**Aim of the exercise**.
Please report each line of the data below that contains "ASTM".

======== The records

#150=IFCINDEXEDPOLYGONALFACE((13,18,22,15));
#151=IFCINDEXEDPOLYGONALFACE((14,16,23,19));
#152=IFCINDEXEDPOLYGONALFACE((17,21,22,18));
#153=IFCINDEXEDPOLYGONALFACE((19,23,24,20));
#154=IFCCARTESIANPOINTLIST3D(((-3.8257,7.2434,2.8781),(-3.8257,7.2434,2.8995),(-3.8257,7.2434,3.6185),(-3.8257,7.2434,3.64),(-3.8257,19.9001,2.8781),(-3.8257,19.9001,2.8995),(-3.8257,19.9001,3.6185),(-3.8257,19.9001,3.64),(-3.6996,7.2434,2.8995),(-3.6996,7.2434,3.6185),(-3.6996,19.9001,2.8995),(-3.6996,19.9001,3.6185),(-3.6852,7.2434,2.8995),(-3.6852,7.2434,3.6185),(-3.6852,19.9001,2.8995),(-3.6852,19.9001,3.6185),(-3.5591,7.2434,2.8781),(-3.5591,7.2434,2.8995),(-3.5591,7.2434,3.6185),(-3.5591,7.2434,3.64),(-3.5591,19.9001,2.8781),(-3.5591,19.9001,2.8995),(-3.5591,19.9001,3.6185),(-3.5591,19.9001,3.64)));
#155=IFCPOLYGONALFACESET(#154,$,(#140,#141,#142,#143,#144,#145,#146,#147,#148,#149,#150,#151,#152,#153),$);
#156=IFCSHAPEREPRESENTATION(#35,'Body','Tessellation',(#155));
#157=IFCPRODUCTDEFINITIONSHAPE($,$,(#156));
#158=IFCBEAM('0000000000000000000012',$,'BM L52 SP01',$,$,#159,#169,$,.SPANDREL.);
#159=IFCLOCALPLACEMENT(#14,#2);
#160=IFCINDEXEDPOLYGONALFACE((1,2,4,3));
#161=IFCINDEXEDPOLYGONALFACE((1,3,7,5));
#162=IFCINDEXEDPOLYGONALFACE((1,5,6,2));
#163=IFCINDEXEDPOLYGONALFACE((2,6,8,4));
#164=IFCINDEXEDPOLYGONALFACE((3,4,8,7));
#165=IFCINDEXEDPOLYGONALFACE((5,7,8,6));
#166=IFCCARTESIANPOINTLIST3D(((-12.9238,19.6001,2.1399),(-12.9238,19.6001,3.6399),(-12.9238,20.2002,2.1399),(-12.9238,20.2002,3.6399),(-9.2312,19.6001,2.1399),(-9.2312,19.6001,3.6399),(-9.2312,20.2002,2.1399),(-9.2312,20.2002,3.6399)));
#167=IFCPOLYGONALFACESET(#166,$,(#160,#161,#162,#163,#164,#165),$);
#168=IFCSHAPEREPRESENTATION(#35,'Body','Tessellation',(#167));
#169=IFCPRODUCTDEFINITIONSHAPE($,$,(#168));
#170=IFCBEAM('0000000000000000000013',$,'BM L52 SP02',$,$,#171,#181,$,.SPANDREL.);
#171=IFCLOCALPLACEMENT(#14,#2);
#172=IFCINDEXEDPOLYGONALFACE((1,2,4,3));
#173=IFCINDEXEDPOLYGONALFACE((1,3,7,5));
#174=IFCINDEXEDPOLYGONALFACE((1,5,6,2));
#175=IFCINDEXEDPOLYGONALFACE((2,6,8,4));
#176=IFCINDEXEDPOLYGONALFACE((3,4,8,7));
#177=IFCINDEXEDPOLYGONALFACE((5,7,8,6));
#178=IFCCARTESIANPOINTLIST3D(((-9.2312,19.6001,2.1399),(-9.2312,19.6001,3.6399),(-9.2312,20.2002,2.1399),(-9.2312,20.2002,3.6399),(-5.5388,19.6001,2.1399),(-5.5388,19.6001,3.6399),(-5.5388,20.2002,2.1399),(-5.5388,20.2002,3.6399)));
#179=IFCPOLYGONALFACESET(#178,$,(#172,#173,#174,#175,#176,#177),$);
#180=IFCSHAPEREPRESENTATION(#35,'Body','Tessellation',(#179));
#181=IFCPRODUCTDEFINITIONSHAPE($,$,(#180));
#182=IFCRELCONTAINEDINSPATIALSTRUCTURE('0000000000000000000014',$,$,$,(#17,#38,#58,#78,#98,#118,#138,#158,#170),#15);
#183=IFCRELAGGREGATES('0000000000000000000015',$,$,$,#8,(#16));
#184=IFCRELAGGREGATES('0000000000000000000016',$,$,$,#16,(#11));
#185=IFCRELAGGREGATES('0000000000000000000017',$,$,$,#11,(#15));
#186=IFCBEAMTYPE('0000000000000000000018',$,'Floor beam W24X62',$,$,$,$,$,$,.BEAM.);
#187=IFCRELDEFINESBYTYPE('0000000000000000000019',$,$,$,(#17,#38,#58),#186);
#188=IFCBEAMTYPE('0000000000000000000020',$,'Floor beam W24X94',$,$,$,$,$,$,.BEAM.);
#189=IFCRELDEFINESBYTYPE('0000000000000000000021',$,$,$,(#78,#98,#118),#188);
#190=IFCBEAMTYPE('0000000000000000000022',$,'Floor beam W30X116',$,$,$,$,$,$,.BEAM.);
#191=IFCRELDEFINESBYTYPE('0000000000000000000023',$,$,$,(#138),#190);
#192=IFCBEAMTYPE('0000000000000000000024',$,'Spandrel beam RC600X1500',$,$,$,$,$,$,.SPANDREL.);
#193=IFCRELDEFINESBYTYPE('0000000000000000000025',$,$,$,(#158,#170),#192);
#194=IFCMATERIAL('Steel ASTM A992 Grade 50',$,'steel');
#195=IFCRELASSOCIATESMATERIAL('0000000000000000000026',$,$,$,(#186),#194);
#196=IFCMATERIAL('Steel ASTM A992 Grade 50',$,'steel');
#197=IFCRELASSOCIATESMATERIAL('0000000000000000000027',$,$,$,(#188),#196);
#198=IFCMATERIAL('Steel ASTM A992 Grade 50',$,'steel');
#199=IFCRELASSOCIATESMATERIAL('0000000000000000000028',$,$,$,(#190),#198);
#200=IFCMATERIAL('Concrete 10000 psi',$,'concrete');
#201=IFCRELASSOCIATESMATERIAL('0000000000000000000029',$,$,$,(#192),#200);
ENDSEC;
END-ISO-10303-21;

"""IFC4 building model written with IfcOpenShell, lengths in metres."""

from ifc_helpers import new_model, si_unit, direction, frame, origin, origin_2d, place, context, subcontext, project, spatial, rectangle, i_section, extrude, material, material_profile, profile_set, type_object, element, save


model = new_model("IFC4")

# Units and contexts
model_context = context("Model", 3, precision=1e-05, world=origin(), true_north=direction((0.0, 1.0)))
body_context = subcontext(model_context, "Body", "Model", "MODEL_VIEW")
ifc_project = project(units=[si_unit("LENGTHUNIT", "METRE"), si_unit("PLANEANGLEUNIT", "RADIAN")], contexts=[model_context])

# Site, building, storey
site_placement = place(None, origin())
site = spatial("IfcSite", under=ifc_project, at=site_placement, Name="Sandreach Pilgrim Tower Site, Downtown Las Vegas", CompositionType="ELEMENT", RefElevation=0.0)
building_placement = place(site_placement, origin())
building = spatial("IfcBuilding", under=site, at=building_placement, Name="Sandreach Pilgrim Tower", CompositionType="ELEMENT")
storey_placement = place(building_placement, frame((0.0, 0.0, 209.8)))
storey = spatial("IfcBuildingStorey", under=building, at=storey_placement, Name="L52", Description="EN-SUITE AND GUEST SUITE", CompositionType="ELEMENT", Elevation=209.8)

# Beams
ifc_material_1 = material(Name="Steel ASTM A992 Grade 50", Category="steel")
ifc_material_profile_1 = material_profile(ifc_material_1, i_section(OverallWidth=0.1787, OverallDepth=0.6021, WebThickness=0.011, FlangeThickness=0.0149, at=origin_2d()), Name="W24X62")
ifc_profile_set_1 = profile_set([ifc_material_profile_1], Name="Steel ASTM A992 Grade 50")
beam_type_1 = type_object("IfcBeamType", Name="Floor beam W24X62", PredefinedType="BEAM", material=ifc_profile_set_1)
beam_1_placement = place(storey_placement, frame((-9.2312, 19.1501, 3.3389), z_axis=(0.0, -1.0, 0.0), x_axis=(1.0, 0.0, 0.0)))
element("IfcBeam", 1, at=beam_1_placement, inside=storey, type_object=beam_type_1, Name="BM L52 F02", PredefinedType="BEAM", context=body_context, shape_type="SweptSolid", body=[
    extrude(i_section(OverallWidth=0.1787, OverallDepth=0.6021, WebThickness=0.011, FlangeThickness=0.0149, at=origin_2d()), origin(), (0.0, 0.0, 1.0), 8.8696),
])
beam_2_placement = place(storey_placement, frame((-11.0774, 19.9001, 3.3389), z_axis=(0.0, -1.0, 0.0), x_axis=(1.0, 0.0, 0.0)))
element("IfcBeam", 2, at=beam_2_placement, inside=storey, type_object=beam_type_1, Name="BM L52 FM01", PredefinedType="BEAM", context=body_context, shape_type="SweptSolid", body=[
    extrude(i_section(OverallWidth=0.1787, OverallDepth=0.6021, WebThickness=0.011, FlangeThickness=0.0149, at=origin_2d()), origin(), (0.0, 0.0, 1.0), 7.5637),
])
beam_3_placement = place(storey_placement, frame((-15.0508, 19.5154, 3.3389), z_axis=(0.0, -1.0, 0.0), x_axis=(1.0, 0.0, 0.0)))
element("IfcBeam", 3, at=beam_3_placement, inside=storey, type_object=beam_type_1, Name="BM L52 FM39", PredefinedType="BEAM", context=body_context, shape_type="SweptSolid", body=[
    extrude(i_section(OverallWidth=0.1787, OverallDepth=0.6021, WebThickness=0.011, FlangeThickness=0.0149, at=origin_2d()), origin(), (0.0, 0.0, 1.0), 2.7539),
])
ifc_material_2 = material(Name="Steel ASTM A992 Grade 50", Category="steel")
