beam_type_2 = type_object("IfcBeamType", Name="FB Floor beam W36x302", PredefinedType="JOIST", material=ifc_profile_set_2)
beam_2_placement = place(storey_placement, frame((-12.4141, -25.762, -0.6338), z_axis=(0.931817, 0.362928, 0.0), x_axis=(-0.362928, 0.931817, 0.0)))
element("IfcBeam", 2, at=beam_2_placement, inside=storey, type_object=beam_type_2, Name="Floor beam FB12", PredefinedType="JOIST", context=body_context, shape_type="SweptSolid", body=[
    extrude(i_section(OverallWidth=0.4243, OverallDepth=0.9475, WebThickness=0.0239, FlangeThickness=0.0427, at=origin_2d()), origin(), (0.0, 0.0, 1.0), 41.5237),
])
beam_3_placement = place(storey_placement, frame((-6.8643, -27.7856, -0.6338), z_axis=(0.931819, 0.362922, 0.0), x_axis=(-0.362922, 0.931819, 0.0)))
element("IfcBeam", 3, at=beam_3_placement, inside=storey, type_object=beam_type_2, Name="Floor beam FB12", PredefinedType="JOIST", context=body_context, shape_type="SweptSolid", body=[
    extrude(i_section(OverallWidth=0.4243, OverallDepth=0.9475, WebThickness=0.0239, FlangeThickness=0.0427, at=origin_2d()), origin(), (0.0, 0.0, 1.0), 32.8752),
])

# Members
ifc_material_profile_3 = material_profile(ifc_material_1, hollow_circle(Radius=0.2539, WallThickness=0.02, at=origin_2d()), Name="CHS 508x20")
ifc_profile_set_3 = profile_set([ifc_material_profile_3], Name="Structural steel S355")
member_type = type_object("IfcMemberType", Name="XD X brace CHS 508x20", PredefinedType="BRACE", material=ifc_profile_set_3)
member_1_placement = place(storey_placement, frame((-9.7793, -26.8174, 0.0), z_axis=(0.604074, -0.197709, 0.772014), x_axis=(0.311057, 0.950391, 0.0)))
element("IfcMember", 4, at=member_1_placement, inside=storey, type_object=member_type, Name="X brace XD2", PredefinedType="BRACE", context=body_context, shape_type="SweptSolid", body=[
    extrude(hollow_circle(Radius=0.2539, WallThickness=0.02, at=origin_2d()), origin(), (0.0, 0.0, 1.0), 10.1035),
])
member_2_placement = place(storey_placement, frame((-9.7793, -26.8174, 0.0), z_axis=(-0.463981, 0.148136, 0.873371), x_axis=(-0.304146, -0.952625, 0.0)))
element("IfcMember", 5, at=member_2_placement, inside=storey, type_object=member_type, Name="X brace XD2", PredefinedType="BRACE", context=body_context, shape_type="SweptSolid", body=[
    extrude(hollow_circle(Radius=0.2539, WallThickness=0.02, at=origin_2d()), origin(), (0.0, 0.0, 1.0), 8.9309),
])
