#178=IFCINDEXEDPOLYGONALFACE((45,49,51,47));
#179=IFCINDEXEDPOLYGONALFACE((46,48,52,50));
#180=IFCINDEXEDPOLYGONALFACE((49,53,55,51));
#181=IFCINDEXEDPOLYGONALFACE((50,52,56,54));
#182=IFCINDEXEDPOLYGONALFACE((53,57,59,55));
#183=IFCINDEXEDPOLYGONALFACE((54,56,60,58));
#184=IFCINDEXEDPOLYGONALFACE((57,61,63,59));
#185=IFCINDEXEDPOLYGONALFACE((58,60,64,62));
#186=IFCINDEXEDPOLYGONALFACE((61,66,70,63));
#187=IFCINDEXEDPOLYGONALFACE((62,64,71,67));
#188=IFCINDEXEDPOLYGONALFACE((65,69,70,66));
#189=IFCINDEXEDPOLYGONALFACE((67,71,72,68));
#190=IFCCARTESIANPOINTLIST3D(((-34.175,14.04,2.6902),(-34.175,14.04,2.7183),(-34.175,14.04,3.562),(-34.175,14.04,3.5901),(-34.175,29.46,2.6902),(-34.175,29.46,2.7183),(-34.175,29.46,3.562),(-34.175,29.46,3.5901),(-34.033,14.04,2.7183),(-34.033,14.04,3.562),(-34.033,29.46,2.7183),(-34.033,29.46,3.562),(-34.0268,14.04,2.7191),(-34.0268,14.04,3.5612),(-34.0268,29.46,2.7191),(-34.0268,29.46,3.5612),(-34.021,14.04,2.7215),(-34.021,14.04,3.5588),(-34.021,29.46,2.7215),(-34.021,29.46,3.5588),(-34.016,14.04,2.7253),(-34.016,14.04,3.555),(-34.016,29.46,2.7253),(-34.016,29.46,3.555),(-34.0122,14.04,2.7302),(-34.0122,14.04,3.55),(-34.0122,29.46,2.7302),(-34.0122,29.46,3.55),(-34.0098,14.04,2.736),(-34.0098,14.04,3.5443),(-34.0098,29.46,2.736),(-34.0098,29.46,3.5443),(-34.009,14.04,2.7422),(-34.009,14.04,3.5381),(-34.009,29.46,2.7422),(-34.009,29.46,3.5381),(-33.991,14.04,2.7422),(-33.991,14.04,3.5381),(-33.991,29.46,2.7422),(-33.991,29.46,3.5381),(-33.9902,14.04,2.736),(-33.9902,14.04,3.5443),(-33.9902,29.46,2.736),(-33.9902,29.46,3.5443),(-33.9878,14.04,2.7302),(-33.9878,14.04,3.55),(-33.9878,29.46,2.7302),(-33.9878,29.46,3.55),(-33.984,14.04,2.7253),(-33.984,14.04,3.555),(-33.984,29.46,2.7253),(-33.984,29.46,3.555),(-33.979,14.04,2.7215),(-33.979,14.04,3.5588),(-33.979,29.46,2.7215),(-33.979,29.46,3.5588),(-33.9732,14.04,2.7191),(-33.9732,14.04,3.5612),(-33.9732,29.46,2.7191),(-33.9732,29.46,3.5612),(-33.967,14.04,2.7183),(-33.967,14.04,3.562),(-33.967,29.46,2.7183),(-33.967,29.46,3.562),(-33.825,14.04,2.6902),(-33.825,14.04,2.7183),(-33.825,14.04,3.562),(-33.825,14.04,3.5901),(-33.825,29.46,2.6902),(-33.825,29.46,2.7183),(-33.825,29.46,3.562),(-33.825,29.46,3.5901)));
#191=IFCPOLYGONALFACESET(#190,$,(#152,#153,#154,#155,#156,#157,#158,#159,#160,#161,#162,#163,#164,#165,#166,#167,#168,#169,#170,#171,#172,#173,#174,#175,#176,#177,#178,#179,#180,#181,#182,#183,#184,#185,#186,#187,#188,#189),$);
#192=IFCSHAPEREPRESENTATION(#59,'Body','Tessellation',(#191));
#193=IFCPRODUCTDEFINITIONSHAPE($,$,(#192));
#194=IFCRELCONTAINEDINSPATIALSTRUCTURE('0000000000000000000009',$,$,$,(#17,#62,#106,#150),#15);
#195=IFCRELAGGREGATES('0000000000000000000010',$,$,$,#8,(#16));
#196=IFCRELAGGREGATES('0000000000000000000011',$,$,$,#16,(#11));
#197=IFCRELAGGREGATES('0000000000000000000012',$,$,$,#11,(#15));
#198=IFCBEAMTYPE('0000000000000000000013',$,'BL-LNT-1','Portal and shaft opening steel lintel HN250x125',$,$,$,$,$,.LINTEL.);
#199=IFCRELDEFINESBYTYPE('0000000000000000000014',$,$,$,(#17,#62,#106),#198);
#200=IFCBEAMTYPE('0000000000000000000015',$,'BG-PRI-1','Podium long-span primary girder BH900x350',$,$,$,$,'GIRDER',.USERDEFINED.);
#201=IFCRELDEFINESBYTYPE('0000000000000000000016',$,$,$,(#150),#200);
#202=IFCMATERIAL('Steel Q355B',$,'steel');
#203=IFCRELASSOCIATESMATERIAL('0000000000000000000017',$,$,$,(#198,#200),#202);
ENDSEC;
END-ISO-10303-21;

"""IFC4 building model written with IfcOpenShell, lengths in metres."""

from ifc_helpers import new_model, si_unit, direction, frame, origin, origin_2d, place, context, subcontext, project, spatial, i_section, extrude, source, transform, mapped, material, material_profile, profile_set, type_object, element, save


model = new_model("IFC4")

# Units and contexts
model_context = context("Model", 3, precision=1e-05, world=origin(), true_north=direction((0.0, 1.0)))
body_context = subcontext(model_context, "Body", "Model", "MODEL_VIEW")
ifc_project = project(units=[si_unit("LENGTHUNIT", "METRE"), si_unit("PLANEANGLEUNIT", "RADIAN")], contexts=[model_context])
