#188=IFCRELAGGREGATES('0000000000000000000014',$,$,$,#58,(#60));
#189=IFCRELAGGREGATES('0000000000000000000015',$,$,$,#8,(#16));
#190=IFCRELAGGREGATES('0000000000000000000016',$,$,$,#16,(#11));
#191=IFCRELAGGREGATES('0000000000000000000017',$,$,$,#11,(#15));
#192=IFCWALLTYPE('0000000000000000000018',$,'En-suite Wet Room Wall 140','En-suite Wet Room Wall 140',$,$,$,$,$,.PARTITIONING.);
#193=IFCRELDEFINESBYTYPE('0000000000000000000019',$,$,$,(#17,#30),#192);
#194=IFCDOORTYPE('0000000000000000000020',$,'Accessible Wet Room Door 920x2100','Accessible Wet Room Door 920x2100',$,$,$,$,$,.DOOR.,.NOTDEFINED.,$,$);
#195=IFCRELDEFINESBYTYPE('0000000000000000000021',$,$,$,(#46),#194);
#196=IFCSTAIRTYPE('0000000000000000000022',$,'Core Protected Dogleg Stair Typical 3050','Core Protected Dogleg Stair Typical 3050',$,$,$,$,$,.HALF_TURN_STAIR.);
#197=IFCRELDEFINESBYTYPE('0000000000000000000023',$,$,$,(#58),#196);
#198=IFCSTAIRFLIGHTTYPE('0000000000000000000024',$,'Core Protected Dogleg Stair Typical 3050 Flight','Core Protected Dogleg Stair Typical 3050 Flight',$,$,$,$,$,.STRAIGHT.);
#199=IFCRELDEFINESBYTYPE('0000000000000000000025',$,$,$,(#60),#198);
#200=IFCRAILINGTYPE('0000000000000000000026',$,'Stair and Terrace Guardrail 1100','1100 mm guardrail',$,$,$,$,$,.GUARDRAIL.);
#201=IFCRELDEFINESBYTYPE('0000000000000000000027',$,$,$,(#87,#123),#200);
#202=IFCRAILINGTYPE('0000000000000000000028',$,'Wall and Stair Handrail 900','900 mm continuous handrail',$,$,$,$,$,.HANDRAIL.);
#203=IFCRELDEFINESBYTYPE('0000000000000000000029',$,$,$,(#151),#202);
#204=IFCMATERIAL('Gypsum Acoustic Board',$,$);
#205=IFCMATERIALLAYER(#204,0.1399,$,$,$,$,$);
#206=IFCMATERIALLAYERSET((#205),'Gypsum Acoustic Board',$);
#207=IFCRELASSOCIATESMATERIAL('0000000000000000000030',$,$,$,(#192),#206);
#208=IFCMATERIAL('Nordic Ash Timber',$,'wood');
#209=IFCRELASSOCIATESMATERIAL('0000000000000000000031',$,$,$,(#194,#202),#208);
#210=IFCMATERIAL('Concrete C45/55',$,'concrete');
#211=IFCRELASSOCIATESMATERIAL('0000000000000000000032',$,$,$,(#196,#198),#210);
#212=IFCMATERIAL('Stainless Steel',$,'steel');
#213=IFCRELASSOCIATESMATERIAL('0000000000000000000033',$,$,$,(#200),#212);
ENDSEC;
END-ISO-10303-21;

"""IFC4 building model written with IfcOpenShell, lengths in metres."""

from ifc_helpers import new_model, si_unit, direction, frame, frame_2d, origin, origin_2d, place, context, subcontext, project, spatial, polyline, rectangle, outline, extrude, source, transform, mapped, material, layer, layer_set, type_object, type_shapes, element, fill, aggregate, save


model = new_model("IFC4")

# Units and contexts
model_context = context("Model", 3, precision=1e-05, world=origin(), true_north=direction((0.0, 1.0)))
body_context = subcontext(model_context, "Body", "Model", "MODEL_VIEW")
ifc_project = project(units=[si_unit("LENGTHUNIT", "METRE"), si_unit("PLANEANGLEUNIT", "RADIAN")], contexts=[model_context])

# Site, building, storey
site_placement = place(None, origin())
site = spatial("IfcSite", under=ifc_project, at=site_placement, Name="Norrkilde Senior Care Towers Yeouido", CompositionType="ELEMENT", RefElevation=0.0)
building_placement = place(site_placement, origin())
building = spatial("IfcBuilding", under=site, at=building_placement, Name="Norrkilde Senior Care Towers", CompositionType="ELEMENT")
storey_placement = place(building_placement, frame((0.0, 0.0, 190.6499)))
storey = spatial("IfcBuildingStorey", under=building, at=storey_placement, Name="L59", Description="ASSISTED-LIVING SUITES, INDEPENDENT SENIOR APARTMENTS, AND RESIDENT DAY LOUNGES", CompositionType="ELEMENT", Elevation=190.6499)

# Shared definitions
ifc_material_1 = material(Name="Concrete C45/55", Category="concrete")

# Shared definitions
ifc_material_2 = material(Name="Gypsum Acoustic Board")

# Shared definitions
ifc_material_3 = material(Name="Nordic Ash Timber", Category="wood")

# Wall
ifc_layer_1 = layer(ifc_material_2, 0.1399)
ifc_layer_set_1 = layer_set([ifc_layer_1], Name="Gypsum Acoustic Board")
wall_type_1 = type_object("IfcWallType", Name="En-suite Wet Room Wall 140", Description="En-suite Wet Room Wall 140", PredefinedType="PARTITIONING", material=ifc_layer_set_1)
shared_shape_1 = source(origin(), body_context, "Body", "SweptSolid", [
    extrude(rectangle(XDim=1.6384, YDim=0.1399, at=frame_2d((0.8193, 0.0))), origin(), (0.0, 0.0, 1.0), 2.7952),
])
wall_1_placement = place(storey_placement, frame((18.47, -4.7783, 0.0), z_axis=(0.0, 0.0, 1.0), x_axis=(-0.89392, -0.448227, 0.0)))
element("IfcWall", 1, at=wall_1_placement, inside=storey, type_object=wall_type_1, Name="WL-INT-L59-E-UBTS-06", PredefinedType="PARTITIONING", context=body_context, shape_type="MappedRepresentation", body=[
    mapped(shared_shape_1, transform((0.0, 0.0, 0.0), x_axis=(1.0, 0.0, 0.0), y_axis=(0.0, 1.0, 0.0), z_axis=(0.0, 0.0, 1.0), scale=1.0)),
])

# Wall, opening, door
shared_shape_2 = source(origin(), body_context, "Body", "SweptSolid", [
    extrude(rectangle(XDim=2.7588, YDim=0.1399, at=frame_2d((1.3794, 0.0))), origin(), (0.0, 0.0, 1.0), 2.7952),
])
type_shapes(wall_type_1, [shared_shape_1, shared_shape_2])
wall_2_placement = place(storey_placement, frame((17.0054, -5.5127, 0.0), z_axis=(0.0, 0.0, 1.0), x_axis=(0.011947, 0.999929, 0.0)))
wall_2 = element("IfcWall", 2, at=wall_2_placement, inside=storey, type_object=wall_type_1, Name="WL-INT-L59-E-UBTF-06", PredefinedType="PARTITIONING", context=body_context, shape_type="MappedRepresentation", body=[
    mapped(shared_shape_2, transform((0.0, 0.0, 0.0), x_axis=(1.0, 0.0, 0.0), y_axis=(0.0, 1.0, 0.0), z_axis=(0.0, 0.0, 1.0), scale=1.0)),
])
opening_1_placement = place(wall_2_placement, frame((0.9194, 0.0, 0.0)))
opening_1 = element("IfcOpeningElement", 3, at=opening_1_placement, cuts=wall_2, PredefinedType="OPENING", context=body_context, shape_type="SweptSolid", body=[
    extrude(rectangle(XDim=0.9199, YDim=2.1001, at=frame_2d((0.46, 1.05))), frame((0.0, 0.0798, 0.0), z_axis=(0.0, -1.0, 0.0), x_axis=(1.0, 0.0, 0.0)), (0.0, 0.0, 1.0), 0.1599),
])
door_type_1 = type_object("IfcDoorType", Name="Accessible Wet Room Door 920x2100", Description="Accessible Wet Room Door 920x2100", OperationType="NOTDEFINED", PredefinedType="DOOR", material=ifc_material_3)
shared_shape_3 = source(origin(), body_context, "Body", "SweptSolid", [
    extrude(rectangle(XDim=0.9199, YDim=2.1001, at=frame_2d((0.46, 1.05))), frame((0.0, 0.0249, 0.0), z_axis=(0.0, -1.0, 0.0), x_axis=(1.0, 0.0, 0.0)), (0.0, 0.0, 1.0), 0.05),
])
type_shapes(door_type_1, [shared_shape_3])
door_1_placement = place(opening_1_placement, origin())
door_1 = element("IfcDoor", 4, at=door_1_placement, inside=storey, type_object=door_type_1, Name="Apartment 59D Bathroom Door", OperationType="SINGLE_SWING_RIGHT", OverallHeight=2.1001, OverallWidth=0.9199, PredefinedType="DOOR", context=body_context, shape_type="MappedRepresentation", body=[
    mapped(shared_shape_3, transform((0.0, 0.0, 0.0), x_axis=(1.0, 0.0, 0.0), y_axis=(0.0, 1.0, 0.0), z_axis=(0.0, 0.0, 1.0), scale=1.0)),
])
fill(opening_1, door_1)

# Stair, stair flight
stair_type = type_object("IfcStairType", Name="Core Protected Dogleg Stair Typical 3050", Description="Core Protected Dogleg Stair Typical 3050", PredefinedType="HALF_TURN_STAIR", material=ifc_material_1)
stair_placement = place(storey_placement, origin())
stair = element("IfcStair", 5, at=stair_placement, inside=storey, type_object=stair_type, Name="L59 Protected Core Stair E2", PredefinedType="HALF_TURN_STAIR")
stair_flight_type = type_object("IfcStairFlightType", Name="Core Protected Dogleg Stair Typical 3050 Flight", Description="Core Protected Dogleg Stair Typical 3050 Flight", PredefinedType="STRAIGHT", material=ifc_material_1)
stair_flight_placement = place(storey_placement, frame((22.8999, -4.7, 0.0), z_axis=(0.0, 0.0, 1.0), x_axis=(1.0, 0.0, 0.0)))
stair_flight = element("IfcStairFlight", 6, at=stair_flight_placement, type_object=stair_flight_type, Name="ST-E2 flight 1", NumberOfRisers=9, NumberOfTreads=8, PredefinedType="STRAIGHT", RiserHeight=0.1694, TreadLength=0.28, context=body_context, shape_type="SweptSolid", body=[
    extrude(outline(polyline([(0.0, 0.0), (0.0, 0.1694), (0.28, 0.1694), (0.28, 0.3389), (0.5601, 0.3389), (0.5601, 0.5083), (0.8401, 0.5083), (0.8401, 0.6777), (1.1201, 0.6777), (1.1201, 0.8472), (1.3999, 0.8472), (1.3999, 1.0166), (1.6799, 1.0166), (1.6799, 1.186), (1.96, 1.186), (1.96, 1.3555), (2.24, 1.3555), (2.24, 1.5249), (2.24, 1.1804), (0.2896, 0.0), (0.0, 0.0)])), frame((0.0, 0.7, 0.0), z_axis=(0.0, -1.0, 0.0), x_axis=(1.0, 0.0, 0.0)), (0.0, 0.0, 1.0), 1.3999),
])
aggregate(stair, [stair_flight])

================

**Answer to this problem**.
#194=IFCMATERIAL('Steel ASTM A992 Grade 50',$,'steel');
#196=IFCMATERIAL('Steel ASTM A992 Grade 50',$,'steel');
#198=IFCMATERIAL('Steel ASTM A992 Grade 50',$,'steel');
ifc_material_1 = material(Name="Steel ASTM A992 Grade 50", Category="steel")
ifc_profile_set_1 = profile_set([ifc_material_profile_1], Name="Steel ASTM A992 Grade 50")
ifc_material_2 = material(Name="Steel ASTM A992 Grade 50", Category="steel")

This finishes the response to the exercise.